▸ **Exercise goal**
Please restate the data word for word, leaving out no line.

(Beginning of Data provided)

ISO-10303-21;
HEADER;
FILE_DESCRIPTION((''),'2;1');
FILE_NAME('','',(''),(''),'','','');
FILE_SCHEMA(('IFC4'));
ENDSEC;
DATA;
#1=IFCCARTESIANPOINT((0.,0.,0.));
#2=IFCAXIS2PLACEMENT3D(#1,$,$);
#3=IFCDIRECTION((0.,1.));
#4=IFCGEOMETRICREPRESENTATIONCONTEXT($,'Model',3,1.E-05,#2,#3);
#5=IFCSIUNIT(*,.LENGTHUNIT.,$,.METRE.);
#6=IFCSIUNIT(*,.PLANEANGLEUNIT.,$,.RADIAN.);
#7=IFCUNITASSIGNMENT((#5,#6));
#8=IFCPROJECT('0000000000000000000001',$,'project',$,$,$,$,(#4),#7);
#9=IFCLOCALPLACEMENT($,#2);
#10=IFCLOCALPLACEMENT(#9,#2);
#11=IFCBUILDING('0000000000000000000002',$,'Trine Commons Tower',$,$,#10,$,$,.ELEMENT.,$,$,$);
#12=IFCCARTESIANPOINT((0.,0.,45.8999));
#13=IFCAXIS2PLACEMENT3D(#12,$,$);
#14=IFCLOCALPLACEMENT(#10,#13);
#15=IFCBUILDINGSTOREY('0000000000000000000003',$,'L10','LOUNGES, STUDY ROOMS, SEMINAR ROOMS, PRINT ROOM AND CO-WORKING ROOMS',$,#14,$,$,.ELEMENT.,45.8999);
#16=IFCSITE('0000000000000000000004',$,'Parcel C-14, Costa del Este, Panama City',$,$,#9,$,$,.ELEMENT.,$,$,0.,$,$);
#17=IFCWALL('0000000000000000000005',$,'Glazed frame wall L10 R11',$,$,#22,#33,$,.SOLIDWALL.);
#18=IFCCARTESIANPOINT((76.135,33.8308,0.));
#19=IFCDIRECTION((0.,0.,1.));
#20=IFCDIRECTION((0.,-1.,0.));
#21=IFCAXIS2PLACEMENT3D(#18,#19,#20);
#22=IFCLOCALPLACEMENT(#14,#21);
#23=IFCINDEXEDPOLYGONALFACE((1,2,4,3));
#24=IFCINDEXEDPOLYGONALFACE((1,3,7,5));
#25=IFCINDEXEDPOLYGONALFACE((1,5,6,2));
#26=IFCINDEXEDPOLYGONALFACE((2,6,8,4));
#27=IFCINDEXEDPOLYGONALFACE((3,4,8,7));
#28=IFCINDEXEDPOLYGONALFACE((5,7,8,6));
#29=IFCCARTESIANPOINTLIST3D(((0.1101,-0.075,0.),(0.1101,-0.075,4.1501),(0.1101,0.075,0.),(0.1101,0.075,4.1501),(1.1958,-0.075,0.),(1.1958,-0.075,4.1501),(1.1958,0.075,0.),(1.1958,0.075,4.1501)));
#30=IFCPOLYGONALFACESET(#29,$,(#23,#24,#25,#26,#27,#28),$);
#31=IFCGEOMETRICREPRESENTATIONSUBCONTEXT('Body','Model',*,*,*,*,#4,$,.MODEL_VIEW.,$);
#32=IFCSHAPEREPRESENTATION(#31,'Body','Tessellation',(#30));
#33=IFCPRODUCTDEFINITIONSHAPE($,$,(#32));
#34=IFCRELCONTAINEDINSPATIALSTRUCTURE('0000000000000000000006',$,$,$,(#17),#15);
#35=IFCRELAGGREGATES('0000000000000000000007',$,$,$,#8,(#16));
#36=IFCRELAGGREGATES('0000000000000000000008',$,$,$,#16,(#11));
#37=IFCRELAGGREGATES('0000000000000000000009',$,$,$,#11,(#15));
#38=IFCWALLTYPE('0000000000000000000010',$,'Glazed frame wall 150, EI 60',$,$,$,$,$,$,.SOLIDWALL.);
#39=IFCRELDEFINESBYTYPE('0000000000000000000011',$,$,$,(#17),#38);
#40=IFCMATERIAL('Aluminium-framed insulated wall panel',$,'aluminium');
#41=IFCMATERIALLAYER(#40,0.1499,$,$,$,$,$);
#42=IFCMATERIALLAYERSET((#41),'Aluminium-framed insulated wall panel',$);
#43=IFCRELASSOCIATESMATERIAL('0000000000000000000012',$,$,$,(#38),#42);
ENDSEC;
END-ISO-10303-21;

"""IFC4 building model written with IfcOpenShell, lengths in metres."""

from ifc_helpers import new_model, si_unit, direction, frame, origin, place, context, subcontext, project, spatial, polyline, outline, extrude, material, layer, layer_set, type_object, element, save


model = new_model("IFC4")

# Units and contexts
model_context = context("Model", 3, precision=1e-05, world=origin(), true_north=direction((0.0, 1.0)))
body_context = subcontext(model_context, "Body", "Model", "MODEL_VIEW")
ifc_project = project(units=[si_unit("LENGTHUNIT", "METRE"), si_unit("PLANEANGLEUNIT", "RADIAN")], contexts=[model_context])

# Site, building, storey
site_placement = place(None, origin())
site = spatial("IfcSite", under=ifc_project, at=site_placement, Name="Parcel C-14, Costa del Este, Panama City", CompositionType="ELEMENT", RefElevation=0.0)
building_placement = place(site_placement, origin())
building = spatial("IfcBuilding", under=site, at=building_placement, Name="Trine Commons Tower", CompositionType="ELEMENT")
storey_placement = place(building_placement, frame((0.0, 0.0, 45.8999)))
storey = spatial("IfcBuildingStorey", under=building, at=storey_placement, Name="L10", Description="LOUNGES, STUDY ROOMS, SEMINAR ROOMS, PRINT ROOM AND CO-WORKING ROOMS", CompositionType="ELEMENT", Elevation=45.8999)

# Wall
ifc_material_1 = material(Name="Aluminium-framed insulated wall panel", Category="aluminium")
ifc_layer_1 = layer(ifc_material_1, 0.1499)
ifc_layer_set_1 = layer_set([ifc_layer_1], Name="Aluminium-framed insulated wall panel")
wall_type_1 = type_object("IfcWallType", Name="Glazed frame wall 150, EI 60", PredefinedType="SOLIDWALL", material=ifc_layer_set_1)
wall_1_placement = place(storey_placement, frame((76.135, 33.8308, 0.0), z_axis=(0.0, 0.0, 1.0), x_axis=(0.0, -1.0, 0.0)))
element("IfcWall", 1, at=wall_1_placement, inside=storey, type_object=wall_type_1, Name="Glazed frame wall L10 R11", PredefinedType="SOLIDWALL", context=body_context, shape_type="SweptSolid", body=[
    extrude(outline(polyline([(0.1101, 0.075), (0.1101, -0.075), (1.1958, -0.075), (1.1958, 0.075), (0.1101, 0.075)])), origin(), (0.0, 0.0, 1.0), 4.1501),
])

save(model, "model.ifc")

(End of Data provided)

▸ **Output of the task**
ISO-10303-21;
HEADER;
FILE_DESCRIPTION((''),'2;1');
FILE_NAME('','',(''),(''),'','','');
FILE_SCHEMA(('IFC4'));
ENDSEC;
DATA;
#1=IFCCARTESIANPOINT((0.,0.,0.));
#2=IFCAXIS2PLACEMENT3D(#1,$,$);
#3=IFCDIRECTION((0.,1.));
#4=IFCGEOMETRICREPRESENTATIONCONTEXT($,'Model',3,1.E-05,#2,#3);
#5=IFCSIUNIT(*,.LENGTHUNIT.,$,.METRE.);
#6=IFCSIUNIT(*,.PLANEANGLEUNIT.,$,.RADIAN.);
#7=IFCUNITASSIGNMENT((#5,#6));
#8=IFCPROJECT('0000000000000000000001',$,'project',$,$,$,$,(#4),#7);
#9=IFCLOCALPLACEMENT($,#2);
#10=IFCLOCALPLACEMENT(#9,#2);
#11=IFCBUILDING('0000000000000000000002',$,'Trine Commons Tower',$,$,#10,$,$,.ELEMENT.,$,$,$);
#12=IFCCARTESIANPOINT((0.,0.,45.8999));
#13=IFCAXIS2PLACEMENT3D(#12,$,$);
#14=IFCLOCALPLACEMENT(#10,#13);
#15=IFCBUILDINGSTOREY('0000000000000000000003',$,'L10','LOUNGES, STUDY ROOMS, SEMINAR ROOMS, PRINT ROOM AND CO-WORKING ROOMS',$,#14,$,$,.ELEMENT.,45.8999);
#16=IFCSITE('0000000000000000000004',$,'Parcel C-14, Costa del Este, Panama City',$,$,#9,$,$,.ELEMENT.,$,$,0.,$,$);
#17=IFCWALL('0000000000000000000005',$,'Glazed frame wall L10 R11',$,$,#22,#33,$,.SOLIDWALL.);
#18=IFCCARTESIANPOINT((76.135,33.8308,0.));
#19=IFCDIRECTION((0.,0.,1.));
#20=IFCDIRECTION((0.,-1.,0.));
#21=IFCAXIS2PLACEMENT3D(#18,#19,#20);
#22=IFCLOCALPLACEMENT(#14,#21);
#23=IFCINDEXEDPOLYGONALFACE((1,2,4,3));
#24=IFCINDEXEDPOLYGONALFACE((1,3,7,5));
#25=IFCINDEXEDPOLYGONALFACE((1,5,6,2));
#26=IFCINDEXEDPOLYGONALFACE((2,6,8,4));
#27=IFCINDEXEDPOLYGONALFACE((3,4,8,7));
#28=IFCINDEXEDPOLYGONALFACE((5,7,8,6));
#29=IFCCARTESIANPOINTLIST3D(((0.1101,-0.075,0.),(0.1101,-0.075,4.1501),(0.1101,0.075,0.),(0.1101,0.075,4.1501),(1.1958,-0.075,0.),(1.1958,-0.075,4.1501),(1.1958,0.075,0.),(1.1958,0.075,4.1501)));
#30=IFCPOLYGONALFACESET(#29,$,(#23,#24,#25,#26,#27,#28),$);
#31=IFCGEOMETRICREPRESENTATIONSUBCONTEXT('Body','Model',*,*,*,*,#4,$,.MODEL_VIEW.,$);
#32=IFCSHAPEREPRESENTATION(#31,'Body','Tessellation',(#30));
#33=IFCPRODUCTDEFINITIONSHAPE($,$,(#32));
#34=IFCRELCONTAINEDINSPATIALSTRUCTURE('0000000000000000000006',$,$,$,(#17),#15);
#35=IFCRELAGGREGATES('0000000000000000000007',$,$,$,#8,(#16));
#36=IFCRELAGGREGATES('0000000000000000000008',$,$,$,#16,(#11));
#37=IFCRELAGGREGATES('0000000000000000000009',$,$,$,#11,(#15));
#38=IFCWALLTYPE('0000000000000000000010',$,'Glazed frame wall 150, EI 60',$,$,$,$,$,$,.SOLIDWALL.);
#39=IFCRELDEFINESBYTYPE('0000000000000000000011',$,$,$,(#17),#38);
#40=IFCMATERIAL('Aluminium-framed insulated wall panel',$,'aluminium');
#41=IFCMATERIALLAYER(#40,0.1499,$,$,$,$,$);
#42=IFCMATERIALLAYERSET((#41),'Aluminium-framed insulated wall panel',$);
#43=IFCRELASSOCIATESMATERIAL('0000000000000000000012',$,$,$,(#38),#42);
ENDSEC;
END-ISO-10303-21;

"""IFC4 building model written with IfcOpenShell, lengths in metres."""

from ifc_helpers import new_model, si_unit, direction, frame, origin, place, context, subcontext, project, spatial, polyline, outline, extrude, material, layer, layer_set, type_object, element, save


model = new_model("IFC4")

# Units and contexts
model_context = context("Model", 3, precision=1e-05, world=origin(), true_north=direction((0.0, 1.0)))
body_context = subcontext(model_context, "Body", "Model", "MODEL_VIEW")
ifc_project = project(units=[si_unit("LENGTHUNIT", "METRE"), si_unit("PLANEANGLEUNIT", "RADIAN")], contexts=[model_context])

# Site, building, storey
site_placement = place(None, origin())
site = spatial("IfcSite", under=ifc_project, at=site_placement, Name="Parcel C-14, Costa del Este, Panama City", CompositionType="ELEMENT", RefElevation=0.0)
building_placement = place(site_placement, origin())
building = spatial("IfcBuilding", under=site, at=building_placement, Name="Trine Commons Tower", CompositionType="ELEMENT")
storey_placement = place(building_placement, frame((0.0, 0.0, 45.8999)))
storey = spatial("IfcBuildingStorey", under=building, at=storey_placement, Name="L10", Description="LOUNGES, STUDY ROOMS, SEMINAR ROOMS, PRINT ROOM AND CO-WORKING ROOMS", CompositionType="ELEMENT", Elevation=45.8999)

# Wall
ifc_material_1 = material(Name="Aluminium-framed insulated wall panel", Category="aluminium")
ifc_layer_1 = layer(ifc_material_1, 0.1499)
ifc_layer_set_1 = layer_set([ifc_layer_1], Name="Aluminium-framed insulated wall panel")
wall_type_1 = type_object("IfcWallType", Name="Glazed frame wall 150, EI 60", PredefinedType="SOLIDWALL", material=ifc_layer_set_1)
wall_1_placement = place(storey_placement, frame((76.135, 33.8308, 0.0), z_axis=(0.0, 0.0, 1.0), x_axis=(0.0, -1.0, 0.0)))
element("IfcWall", 1, at=wall_1_placement, inside=storey, type_object=wall_type_1, Name="Glazed frame wall L10 R11", PredefinedType="SOLIDWALL", context=body_context, shape_type="SweptSolid", body=[
    extrude(outline(polyline([(0.1101, 0.075), (0.1101, -0.075), (1.1958, -0.075), (1.1958, 0.075), (0.1101, 0.075)])), origin(), (0.0, 0.0, 1.0), 4.1501),
])

save(model, "model.ifc")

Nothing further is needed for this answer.